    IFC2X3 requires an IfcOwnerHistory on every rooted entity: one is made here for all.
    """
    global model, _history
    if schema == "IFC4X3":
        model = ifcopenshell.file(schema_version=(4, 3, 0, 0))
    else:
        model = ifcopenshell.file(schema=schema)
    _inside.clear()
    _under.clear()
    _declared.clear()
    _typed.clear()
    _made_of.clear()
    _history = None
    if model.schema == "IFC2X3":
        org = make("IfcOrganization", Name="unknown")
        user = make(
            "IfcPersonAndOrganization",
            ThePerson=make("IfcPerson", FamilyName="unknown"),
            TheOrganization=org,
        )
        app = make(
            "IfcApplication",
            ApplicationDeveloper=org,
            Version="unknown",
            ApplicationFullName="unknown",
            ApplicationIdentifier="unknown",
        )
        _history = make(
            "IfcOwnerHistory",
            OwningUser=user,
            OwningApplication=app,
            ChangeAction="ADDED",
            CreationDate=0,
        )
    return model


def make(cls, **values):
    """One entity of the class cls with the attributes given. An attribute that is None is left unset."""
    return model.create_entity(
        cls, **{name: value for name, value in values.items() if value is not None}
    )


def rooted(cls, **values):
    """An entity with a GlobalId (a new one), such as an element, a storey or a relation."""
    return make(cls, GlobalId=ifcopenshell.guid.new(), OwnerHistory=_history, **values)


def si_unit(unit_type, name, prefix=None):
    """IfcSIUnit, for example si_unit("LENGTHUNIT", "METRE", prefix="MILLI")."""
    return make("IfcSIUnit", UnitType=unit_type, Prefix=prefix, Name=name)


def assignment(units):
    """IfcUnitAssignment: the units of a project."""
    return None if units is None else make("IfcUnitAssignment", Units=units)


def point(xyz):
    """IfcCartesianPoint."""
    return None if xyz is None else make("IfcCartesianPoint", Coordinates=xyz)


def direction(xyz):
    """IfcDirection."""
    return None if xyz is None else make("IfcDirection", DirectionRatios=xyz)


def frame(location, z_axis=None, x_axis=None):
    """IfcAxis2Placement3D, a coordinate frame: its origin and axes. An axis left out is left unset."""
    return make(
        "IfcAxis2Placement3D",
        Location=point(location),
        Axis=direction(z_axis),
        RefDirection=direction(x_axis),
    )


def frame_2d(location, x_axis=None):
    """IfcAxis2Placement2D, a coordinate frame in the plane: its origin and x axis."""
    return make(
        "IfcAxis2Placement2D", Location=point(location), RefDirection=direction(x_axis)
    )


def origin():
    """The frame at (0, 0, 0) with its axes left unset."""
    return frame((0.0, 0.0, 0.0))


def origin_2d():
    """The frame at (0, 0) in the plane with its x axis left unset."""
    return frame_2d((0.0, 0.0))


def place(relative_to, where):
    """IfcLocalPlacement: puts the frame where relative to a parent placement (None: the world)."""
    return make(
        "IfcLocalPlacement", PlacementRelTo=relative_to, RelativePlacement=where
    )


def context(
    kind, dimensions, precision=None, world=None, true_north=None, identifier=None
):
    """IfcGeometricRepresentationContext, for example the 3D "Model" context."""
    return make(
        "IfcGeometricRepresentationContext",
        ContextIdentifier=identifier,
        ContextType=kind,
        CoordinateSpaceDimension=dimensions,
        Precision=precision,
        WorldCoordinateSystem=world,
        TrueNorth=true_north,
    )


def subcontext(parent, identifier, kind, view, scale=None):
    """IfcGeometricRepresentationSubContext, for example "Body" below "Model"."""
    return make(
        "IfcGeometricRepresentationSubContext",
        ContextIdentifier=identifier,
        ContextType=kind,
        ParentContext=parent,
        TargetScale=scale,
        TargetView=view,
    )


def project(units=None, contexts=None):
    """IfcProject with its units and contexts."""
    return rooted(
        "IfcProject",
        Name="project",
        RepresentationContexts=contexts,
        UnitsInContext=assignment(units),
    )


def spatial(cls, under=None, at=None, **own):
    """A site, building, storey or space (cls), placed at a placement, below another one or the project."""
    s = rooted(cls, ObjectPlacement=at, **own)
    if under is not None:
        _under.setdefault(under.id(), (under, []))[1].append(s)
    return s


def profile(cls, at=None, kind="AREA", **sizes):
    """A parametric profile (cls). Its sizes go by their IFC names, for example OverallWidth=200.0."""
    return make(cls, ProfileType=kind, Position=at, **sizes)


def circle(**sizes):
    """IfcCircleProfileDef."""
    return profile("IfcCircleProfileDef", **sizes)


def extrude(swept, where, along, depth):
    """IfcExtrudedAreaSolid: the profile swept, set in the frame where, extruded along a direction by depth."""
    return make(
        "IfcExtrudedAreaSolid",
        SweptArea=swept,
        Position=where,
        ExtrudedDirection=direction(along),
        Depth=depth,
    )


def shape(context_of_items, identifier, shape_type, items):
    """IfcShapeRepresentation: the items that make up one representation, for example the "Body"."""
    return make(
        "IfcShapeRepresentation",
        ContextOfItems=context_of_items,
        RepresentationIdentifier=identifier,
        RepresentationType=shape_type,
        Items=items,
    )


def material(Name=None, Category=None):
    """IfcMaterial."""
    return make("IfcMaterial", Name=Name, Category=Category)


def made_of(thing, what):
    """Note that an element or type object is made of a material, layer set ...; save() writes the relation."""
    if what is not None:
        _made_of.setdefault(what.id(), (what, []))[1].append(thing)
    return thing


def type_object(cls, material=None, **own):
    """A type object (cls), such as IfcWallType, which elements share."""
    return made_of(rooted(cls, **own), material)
++++++++++
▶ What to do: All lines of the records above that carry the word "swept" should be listed.

▶ Output of the task:
def extrude(swept, where, along, depth):
    """IfcExtrudedAreaSolid: the profile swept, set in the frame where, extruded along a direction by depth."""
        SweptArea=swept,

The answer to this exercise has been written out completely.